# ASSIGNMENT:
Go through the records below and report each line with "YDim" in it.

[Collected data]
----
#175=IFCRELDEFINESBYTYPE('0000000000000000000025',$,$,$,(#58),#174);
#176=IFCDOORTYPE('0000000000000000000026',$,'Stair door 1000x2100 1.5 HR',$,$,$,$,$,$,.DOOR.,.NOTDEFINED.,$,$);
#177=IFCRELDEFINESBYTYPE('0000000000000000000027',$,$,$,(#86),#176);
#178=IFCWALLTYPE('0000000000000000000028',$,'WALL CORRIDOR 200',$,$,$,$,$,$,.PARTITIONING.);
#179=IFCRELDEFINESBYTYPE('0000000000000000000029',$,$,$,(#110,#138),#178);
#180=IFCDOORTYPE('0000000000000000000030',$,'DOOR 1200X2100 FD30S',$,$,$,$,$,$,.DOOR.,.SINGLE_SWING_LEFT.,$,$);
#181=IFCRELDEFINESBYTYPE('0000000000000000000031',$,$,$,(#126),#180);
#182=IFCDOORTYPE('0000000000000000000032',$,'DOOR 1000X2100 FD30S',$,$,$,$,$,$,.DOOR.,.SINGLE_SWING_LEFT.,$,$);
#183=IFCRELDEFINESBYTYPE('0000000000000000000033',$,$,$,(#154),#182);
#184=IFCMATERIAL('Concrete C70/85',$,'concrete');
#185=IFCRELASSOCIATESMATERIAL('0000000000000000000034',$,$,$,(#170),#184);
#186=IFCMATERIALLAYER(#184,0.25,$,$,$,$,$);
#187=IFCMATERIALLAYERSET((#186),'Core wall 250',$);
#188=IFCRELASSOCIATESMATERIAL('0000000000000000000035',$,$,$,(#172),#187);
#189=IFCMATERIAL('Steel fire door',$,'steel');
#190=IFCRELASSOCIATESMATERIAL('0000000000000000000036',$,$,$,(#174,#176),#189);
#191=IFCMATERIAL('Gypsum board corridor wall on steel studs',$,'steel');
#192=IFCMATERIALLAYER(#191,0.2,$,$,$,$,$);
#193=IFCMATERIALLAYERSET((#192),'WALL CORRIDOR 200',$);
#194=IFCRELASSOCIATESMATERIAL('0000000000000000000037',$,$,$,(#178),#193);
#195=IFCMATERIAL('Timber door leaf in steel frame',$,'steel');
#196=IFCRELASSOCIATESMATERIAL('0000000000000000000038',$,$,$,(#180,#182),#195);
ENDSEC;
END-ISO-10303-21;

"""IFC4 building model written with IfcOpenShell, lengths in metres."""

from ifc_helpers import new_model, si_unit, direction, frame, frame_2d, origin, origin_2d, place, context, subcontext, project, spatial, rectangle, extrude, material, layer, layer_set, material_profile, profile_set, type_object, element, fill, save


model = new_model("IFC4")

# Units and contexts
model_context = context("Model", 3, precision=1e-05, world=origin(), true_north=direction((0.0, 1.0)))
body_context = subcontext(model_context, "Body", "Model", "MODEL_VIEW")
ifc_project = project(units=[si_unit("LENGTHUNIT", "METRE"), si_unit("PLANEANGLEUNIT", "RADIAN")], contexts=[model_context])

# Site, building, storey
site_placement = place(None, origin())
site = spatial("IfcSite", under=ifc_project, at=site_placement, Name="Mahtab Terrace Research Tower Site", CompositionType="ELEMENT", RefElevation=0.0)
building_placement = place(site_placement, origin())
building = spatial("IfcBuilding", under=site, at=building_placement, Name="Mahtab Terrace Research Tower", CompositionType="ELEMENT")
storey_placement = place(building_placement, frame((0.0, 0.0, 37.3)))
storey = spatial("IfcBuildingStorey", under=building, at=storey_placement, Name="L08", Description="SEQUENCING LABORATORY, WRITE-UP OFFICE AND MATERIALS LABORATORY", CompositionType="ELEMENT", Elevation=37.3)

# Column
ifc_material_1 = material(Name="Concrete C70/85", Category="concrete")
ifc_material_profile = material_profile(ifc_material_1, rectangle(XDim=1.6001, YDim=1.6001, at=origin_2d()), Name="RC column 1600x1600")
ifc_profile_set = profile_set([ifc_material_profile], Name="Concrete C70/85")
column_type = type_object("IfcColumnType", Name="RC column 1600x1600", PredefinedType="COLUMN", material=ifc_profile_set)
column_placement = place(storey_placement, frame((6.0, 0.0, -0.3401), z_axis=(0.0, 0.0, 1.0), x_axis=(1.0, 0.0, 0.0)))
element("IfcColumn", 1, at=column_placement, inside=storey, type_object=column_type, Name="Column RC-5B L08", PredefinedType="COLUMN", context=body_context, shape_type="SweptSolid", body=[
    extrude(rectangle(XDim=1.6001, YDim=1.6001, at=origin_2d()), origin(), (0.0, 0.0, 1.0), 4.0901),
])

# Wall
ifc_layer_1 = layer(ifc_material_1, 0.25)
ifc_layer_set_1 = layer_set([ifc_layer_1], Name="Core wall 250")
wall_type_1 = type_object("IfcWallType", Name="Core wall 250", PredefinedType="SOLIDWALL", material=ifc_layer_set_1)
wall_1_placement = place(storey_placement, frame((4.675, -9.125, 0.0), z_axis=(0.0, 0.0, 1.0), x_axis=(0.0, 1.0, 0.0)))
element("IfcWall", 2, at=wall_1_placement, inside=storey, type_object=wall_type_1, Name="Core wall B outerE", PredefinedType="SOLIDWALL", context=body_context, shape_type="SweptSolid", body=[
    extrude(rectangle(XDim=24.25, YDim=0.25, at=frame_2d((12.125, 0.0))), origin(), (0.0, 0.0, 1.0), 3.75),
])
----
# RESPONSE BELOW:
ifc_material_profile = material_profile(ifc_material_1, rectangle(XDim=1.6001, YDim=1.6001, at=origin_2d()), Name="RC column 1600x1600")
    extrude(rectangle(XDim=1.6001, YDim=1.6001, at=origin_2d()), origin(), (0.0, 0.0, 1.0), 4.0901),
    extrude(rectangle(XDim=24.25, YDim=0.25, at=frame_2d((12.125, 0.0))), origin(), (0.0, 0.0, 1.0), 3.75),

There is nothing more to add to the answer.